=== Action item ===
Restate word for word the entries below, starting with the line with "#181=IFCSHAPEREPRESENTATION(#27,'Body','Tessellation',(#180));" and continuing through the line with "building model written". Include both of those lines and no others.

### Extracted information

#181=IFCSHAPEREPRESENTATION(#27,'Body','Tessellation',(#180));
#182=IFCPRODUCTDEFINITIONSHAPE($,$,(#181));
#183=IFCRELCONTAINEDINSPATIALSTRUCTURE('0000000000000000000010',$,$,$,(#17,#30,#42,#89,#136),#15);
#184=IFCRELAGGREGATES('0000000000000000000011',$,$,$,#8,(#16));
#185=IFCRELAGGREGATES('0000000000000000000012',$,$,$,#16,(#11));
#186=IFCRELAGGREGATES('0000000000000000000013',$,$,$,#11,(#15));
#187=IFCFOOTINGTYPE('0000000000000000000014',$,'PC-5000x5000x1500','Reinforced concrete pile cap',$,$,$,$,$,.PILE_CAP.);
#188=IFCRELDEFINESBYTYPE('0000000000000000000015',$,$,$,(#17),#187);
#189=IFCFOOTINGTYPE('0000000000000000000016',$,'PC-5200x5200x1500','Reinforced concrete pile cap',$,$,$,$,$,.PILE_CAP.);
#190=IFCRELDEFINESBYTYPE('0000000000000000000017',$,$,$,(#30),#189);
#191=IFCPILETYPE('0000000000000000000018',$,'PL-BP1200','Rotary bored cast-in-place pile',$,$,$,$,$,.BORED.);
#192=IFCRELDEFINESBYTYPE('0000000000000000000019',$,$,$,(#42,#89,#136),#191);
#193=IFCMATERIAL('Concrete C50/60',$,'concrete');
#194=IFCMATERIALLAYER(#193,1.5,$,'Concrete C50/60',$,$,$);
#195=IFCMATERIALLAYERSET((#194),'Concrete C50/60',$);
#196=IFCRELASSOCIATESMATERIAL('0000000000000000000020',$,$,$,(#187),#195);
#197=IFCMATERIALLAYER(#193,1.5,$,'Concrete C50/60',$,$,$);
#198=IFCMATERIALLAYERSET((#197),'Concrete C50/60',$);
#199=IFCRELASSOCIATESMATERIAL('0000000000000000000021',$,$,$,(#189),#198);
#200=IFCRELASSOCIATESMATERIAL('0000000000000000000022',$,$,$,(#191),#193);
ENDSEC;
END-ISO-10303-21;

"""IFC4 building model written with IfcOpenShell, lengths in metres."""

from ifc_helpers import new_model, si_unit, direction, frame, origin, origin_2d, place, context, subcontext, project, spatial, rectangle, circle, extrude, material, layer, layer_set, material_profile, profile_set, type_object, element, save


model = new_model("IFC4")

######
### Extracted information

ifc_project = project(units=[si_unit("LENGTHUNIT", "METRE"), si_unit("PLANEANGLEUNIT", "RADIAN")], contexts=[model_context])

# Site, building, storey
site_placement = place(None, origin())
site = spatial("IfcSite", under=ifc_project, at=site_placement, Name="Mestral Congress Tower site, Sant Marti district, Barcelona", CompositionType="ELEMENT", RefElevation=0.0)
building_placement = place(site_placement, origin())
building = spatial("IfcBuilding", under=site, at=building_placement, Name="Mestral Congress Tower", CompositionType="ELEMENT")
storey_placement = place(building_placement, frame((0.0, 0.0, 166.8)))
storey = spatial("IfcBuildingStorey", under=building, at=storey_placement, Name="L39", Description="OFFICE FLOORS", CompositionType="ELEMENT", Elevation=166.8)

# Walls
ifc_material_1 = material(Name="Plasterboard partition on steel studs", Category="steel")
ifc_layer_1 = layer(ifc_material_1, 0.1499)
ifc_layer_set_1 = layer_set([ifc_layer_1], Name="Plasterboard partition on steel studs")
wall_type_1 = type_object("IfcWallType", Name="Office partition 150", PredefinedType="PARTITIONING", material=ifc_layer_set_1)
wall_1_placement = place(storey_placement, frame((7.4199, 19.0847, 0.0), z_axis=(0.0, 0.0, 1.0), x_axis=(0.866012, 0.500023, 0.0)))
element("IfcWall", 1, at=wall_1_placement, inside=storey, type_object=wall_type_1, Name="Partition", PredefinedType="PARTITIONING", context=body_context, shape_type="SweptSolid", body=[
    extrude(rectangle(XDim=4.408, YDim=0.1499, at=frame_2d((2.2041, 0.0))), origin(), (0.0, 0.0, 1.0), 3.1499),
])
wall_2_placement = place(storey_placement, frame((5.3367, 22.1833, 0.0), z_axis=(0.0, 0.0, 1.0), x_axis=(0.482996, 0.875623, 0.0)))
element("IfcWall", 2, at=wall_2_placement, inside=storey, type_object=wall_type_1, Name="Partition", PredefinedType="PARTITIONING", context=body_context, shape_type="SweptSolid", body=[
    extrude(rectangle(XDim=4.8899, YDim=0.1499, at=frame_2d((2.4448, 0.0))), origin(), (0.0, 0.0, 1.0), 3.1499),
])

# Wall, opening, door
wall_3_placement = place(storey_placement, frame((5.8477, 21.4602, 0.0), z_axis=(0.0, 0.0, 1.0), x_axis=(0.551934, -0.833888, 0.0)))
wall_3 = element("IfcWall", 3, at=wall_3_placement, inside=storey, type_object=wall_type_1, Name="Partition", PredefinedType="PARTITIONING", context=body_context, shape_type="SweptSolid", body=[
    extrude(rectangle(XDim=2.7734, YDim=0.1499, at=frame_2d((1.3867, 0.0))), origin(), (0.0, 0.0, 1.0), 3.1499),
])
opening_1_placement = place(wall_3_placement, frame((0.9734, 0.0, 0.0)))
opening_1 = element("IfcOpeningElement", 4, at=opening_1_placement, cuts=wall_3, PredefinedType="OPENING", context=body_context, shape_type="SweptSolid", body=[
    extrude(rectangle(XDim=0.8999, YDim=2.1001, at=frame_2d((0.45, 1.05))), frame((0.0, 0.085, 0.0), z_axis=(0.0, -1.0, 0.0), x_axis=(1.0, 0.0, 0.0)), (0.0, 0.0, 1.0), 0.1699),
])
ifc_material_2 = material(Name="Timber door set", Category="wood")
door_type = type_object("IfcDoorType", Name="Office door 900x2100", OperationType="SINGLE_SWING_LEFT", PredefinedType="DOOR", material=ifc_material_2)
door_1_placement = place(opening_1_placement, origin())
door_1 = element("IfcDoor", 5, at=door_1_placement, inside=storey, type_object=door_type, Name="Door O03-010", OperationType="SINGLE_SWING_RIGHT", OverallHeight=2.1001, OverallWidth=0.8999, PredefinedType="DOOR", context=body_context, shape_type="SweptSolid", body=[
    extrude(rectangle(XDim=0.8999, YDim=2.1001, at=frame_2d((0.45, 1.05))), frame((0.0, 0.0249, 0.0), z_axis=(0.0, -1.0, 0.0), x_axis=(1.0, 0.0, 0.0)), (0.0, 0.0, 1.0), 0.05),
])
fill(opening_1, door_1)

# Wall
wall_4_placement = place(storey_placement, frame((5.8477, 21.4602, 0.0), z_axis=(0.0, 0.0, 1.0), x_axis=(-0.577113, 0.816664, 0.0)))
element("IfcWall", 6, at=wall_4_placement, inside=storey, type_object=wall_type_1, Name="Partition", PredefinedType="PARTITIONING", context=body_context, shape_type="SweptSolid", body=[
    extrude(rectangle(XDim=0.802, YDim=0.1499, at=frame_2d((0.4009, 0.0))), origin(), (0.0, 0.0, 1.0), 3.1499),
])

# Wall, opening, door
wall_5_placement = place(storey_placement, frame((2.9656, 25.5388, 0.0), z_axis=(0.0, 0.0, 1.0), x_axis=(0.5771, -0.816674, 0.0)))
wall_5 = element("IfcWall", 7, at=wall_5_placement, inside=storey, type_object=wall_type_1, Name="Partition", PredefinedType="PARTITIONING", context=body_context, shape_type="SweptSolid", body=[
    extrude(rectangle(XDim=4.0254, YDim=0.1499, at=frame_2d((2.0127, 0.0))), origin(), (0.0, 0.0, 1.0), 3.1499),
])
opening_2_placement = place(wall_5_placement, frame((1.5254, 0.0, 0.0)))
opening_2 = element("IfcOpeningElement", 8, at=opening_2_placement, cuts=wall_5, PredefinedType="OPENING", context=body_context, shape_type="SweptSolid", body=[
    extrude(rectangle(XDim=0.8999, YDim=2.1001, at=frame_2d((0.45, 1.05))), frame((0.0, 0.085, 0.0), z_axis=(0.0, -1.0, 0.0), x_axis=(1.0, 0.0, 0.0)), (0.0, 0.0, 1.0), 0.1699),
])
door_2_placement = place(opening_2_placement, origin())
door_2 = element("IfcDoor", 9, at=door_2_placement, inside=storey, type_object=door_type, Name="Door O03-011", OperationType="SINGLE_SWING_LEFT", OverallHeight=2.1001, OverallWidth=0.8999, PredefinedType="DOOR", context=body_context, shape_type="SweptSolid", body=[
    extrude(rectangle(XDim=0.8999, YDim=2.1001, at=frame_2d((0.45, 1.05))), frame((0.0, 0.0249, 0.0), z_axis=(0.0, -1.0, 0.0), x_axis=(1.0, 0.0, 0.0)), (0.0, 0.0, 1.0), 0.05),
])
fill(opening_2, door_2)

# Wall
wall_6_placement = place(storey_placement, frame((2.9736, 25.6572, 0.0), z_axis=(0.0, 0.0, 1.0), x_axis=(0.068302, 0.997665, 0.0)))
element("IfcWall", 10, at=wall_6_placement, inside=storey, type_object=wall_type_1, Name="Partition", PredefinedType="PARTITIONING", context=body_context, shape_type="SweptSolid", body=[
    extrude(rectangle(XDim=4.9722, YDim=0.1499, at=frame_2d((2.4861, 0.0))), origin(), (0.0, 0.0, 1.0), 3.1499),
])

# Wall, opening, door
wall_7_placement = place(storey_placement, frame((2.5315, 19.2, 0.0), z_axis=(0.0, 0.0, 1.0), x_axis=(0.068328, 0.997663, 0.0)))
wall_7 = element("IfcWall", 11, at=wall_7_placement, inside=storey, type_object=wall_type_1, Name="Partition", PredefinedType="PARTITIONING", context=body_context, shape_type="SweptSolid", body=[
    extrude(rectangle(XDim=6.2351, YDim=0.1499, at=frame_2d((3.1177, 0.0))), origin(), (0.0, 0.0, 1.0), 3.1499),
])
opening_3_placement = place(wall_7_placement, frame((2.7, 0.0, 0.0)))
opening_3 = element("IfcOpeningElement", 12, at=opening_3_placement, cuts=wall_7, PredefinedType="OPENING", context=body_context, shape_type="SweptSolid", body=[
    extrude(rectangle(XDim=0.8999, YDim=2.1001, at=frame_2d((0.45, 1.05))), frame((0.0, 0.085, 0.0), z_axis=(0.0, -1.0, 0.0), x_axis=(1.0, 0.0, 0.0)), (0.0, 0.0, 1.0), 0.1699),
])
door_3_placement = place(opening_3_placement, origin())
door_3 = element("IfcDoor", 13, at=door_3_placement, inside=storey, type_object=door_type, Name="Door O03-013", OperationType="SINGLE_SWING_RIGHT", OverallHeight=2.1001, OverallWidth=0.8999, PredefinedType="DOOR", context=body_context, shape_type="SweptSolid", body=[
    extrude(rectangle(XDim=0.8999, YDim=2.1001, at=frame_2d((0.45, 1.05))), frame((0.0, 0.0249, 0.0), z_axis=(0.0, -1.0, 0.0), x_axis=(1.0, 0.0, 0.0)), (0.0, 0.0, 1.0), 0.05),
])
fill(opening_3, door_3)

######

=== Expected answer ===
#181=IFCSHAPEREPRESENTATION(#27,'Body','Tessellation',(#180));
#182=IFCPRODUCTDEFINITIONSHAPE($,$,(#181));
#183=IFCRELCONTAINEDINSPATIALSTRUCTURE('0000000000000000000010',$,$,$,(#17,#30,#42,#89,#136),#15);
#184=IFCRELAGGREGATES('0000000000000000000011',$,$,$,#8,(#16));
#185=IFCRELAGGREGATES('0000000000000000000012',$,$,$,#16,(#11));
#186=IFCRELAGGREGATES('0000000000000000000013',$,$,$,#11,(#15));
#187=IFCFOOTINGTYPE('0000000000000000000014',$,'PC-5000x5000x1500','Reinforced concrete pile cap',$,$,$,$,$,.PILE_CAP.);
#188=IFCRELDEFINESBYTYPE('0000000000000000000015',$,$,$,(#17),#187);
#189=IFCFOOTINGTYPE('0000000000000000000016',$,'PC-5200x5200x1500','Reinforced concrete pile cap',$,$,$,$,$,.PILE_CAP.);
#190=IFCRELDEFINESBYTYPE('0000000000000000000017',$,$,$,(#30),#189);
#191=IFCPILETYPE('0000000000000000000018',$,'PL-BP1200','Rotary bored cast-in-place pile',$,$,$,$,$,.BORED.);
#192=IFCRELDEFINESBYTYPE('0000000000000000000019',$,$,$,(#42,#89,#136),#191);
#193=IFCMATERIAL('Concrete C50/60',$,'concrete');
#194=IFCMATERIALLAYER(#193,1.5,$,'Concrete C50/60',$,$,$);
#195=IFCMATERIALLAYERSET((#194),'Concrete C50/60',$);
#196=IFCRELASSOCIATESMATERIAL('0000000000000000000020',$,$,$,(#187),#195);
#197=IFCMATERIALLAYER(#193,1.5,$,'Concrete C50/60',$,$,$);
#198=IFCMATERIALLAYERSET((#197),'Concrete C50/60',$);
#199=IFCRELASSOCIATESMATERIAL('0000000000000000000021',$,$,$,(#189),#198);
#200=IFCRELASSOCIATESMATERIAL('0000000000000000000022',$,$,$,(#191),#193);
ENDSEC;
END-ISO-10303-21;

"""IFC4 building model written with IfcOpenShell, lengths in metres."""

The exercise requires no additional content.